◆ Collected data entries ◆

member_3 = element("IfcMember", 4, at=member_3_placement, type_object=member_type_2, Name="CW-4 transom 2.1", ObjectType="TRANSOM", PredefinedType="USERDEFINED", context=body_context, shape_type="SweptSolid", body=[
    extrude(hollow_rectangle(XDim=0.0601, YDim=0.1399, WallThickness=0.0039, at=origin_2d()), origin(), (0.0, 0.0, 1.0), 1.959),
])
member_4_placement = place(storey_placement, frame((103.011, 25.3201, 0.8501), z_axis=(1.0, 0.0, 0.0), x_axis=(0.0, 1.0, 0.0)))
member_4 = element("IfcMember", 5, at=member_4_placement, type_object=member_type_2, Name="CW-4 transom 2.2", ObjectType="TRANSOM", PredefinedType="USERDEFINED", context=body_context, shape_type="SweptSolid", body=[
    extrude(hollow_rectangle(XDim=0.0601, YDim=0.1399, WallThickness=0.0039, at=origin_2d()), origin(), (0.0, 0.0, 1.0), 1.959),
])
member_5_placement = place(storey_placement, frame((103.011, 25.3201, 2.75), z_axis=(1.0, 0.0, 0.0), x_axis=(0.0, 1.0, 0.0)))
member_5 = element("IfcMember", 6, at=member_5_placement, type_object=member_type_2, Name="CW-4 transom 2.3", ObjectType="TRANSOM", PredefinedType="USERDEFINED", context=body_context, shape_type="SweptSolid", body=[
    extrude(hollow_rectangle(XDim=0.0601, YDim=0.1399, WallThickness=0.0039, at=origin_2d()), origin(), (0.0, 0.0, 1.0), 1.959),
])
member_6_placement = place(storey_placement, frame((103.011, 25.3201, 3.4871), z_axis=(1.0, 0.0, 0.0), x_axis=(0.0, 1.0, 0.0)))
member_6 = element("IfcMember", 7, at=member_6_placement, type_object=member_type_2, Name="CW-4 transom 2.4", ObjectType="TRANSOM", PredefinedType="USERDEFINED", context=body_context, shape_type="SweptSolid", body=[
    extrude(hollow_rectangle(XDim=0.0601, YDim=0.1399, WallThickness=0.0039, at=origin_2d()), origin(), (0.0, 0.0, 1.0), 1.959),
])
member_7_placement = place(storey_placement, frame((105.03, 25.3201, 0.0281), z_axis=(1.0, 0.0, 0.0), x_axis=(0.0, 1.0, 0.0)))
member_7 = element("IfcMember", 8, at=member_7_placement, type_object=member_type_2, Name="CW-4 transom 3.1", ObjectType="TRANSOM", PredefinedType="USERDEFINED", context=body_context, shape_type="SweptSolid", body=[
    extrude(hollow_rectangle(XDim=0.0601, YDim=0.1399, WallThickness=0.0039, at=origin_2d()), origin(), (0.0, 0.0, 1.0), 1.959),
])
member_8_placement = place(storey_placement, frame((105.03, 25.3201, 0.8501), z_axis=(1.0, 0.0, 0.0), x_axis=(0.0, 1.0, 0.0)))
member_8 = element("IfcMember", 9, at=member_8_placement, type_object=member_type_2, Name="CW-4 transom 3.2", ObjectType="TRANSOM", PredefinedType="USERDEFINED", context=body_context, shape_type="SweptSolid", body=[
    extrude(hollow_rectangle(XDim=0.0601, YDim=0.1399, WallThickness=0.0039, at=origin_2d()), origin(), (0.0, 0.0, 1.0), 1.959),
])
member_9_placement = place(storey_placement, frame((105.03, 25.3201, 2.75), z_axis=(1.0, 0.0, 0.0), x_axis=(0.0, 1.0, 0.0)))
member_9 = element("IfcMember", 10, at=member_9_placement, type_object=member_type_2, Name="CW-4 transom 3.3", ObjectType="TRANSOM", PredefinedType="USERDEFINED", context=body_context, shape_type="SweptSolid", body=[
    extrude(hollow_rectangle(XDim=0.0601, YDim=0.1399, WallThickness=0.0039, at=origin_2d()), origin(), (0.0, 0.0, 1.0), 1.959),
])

◆ Required work ◆
With the line containing "0.0281), z_axis=(1.0, 0.0, 0.0), x_axis=(0.0, 1.0, 0.0)))" as the last one, please set down exactly the lines of the records above from their very first line, and nothing more.

◆ Answer to this exercise ◆
member_3 = element("IfcMember", 4, at=member_3_placement, type_object=member_type_2, Name="CW-4 transom 2.1", ObjectType="TRANSOM", PredefinedType="USERDEFINED", context=body_context, shape_type="SweptSolid", body=[
    extrude(hollow_rectangle(XDim=0.0601, YDim=0.1399, WallThickness=0.0039, at=origin_2d()), origin(), (0.0, 0.0, 1.0), 1.959),
])
member_4_placement = place(storey_placement, frame((103.011, 25.3201, 0.8501), z_axis=(1.0, 0.0, 0.0), x_axis=(0.0, 1.0, 0.0)))
member_4 = element("IfcMember", 5, at=member_4_placement, type_object=member_type_2, Name="CW-4 transom 2.2", ObjectType="TRANSOM", PredefinedType="USERDEFINED", context=body_context, shape_type="SweptSolid", body=[
    extrude(hollow_rectangle(XDim=0.0601, YDim=0.1399, WallThickness=0.0039, at=origin_2d()), origin(), (0.0, 0.0, 1.0), 1.959),
])
member_5_placement = place(storey_placement, frame((103.011, 25.3201, 2.75), z_axis=(1.0, 0.0, 0.0), x_axis=(0.0, 1.0, 0.0)))
member_5 = element("IfcMember", 6, at=member_5_placement, type_object=member_type_2, Name="CW-4 transom 2.3", ObjectType="TRANSOM", PredefinedType="USERDEFINED", context=body_context, shape_type="SweptSolid", body=[
    extrude(hollow_rectangle(XDim=0.0601, YDim=0.1399, WallThickness=0.0039, at=origin_2d()), origin(), (0.0, 0.0, 1.0), 1.959),
])
member_6_placement = place(storey_placement, frame((103.011, 25.3201, 3.4871), z_axis=(1.0, 0.0, 0.0), x_axis=(0.0, 1.0, 0.0)))
member_6 = element("IfcMember", 7, at=member_6_placement, type_object=member_type_2, Name="CW-4 transom 2.4", ObjectType="TRANSOM", PredefinedType="USERDEFINED", context=body_context, shape_type="SweptSolid", body=[
    extrude(hollow_rectangle(XDim=0.0601, YDim=0.1399, WallThickness=0.0039, at=origin_2d()), origin(), (0.0, 0.0, 1.0), 1.959),
])
member_7_placement = place(storey_placement, frame((105.03, 25.3201, 0.0281), z_axis=(1.0, 0.0, 0.0), x_axis=(0.0, 1.0, 0.0)))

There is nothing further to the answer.